(REQUIREMENT): Count the lines below holding "IFCRELAGGREGATES" and answer with that number only.

───── GIVEN DATA ─────

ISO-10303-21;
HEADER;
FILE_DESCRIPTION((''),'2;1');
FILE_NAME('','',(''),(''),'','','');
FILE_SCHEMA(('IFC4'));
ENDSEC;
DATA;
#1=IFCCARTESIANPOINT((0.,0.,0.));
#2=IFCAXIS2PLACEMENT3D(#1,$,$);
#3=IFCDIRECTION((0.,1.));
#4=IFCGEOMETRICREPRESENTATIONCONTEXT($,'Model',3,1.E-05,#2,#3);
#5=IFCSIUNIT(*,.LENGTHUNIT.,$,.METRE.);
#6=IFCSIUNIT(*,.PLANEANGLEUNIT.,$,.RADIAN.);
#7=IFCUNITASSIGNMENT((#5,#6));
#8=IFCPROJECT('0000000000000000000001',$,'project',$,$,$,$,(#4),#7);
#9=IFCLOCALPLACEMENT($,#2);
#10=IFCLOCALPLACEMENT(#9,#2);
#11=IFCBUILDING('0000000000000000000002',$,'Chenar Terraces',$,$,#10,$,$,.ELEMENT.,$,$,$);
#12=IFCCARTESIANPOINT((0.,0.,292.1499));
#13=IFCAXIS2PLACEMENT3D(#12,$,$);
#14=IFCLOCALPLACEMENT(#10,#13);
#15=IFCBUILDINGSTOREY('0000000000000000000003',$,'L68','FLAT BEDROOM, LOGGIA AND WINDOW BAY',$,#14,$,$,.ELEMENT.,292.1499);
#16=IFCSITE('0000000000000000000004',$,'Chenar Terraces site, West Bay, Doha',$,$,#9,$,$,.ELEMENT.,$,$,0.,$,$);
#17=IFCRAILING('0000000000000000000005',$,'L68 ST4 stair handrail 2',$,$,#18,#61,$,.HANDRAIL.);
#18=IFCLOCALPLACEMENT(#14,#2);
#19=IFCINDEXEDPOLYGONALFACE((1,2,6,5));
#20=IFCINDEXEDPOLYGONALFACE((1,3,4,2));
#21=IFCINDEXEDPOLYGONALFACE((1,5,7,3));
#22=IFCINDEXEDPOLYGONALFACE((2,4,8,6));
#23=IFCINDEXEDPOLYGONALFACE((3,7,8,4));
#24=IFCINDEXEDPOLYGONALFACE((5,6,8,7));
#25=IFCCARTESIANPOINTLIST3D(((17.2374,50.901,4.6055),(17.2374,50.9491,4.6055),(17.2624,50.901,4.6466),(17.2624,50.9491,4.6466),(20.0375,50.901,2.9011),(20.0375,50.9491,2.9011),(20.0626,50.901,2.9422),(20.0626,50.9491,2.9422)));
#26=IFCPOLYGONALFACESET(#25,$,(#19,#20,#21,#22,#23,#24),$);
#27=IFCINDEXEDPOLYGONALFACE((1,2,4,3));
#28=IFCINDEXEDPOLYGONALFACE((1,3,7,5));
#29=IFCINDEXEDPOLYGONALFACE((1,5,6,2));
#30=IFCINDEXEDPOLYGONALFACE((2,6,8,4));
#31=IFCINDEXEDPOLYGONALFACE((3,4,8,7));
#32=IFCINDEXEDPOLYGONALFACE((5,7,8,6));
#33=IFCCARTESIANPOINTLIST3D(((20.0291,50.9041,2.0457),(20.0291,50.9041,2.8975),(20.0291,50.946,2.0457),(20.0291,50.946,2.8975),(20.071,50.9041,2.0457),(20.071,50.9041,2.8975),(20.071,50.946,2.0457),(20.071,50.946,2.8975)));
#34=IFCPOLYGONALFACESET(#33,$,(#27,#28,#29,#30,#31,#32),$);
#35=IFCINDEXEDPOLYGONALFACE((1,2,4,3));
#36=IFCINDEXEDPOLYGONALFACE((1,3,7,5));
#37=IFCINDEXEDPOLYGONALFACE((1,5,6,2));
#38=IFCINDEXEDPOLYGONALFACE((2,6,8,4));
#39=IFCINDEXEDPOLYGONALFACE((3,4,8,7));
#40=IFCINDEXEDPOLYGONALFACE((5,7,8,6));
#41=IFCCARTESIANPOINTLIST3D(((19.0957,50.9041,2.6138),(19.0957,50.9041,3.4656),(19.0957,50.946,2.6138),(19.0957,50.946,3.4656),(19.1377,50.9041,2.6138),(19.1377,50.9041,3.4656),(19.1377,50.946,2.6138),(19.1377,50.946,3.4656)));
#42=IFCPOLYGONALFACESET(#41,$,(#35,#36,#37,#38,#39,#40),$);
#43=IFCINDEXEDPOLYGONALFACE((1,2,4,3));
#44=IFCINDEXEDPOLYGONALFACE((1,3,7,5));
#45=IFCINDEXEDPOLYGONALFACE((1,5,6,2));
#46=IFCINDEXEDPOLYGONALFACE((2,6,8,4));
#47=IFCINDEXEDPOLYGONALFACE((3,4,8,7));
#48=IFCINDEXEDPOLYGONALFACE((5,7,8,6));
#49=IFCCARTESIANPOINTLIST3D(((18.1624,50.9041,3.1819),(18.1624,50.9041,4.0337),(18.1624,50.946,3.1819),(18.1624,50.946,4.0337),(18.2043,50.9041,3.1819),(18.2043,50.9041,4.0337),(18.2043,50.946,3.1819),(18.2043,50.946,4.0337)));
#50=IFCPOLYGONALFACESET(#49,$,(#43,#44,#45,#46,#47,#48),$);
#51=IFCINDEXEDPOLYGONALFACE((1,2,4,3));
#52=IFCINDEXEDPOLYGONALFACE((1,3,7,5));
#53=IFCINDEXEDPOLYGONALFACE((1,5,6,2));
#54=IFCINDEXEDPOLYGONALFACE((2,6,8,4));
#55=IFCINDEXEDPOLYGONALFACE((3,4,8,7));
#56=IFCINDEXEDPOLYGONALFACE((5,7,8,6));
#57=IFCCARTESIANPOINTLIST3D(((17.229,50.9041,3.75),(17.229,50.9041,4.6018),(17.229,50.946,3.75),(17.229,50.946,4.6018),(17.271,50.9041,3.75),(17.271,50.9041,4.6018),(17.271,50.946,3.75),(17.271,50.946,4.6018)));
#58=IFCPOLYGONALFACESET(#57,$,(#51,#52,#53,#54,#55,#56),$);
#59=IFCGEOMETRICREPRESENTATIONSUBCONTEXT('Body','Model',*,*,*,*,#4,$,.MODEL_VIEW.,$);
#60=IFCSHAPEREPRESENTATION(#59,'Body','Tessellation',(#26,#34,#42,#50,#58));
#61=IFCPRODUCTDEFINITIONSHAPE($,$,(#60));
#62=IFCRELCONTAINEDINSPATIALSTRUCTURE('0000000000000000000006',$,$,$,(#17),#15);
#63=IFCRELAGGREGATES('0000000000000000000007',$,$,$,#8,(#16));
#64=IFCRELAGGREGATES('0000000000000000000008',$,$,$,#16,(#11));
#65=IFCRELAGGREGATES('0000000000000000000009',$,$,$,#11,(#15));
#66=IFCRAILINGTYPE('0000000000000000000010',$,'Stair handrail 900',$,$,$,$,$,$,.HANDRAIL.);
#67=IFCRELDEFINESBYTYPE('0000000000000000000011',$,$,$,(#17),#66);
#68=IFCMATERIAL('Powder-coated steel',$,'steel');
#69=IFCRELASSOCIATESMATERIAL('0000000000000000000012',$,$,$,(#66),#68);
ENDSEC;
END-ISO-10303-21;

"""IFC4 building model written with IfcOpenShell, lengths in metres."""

from ifc_helpers import new_model, si_unit, direction, frame, origin, origin_2d, place, context, subcontext, project, spatial, rectangle, extrude, material, type_object, element, save


model = new_model("IFC4")

# Units and contexts
model_context = context("Model", 3, precision=1e-05, world=origin(), true_north=direction((0.0, 1.0)))
body_context = subcontext(model_context, "Body", "Model", "MODEL_VIEW")
ifc_project = project(units=[si_unit("LENGTHUNIT", "METRE"), si_unit("PLANEANGLEUNIT", "RADIAN")], contexts=[model_context])

# Site, building, storey
site_placement = place(None, origin())
site = spatial("IfcSite", under=ifc_project, at=site_placement, Name="Chenar Terraces site, West Bay, Doha", CompositionType="ELEMENT", RefElevation=0.0)
building_placement = place(site_placement, origin())
building = spatial("IfcBuilding", under=site, at=building_placement, Name="Chenar Terraces", CompositionType="ELEMENT")
storey_placement = place(building_placement, frame((0.0, 0.0, 292.1499)))
storey = spatial("IfcBuildingStorey", under=building, at=storey_placement, Name="L68", Description="FLAT BEDROOM, LOGGIA AND WINDOW BAY", CompositionType="ELEMENT", Elevation=292.1499)

# Railing
ifc_material_1 = material(Name="Powder-coated steel", Category="steel")
railing_type_1 = type_object("IfcRailingType", Name="Stair handrail 900", PredefinedType="HANDRAIL", material=ifc_material_1)
railing_1_placement = place(storey_placement, frame((20.05, 50.925, 2.0457)))
element("IfcRailing", 1, at=railing_1_placement, inside=storey, type_object=railing_type_1, Name="L68 ST4 stair handrail 2", PredefinedType="HANDRAIL", context=body_context, shape_type="SweptSolid", body=[
    extrude(rectangle(XDim=0.0481, YDim=0.0481, at=origin_2d()), frame((0.0, 0.0, 0.876), z_axis=(-0.854203, 0.0, 0.51994), x_axis=(0.0, -1.0, 0.0)), (0.0, 0.0, 1.0), 3.2781),
    extrude(rectangle(XDim=0.042, YDim=0.042, at=origin_2d()), origin(), (0.0, 0.0, 1.0), 0.8518),
    extrude(rectangle(XDim=0.042, YDim=0.042, at=origin_2d()), frame((-0.9333, 0.0, 0.5681)), (0.0, 0.0, 1.0), 0.8518),
    extrude(rectangle(XDim=0.042, YDim=0.042, at=origin_2d()), frame((-1.8667, 0.0, 1.1362)), (0.0, 0.0, 1.0), 0.8518),
    extrude(rectangle(XDim=0.042, YDim=0.042, at=origin_2d()), frame((-2.8, 0.0, 1.7043)), (0.0, 0.0, 1.0), 0.8518),
])

save(model, "model.ifc")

─────

(WRITTEN REPLY): 3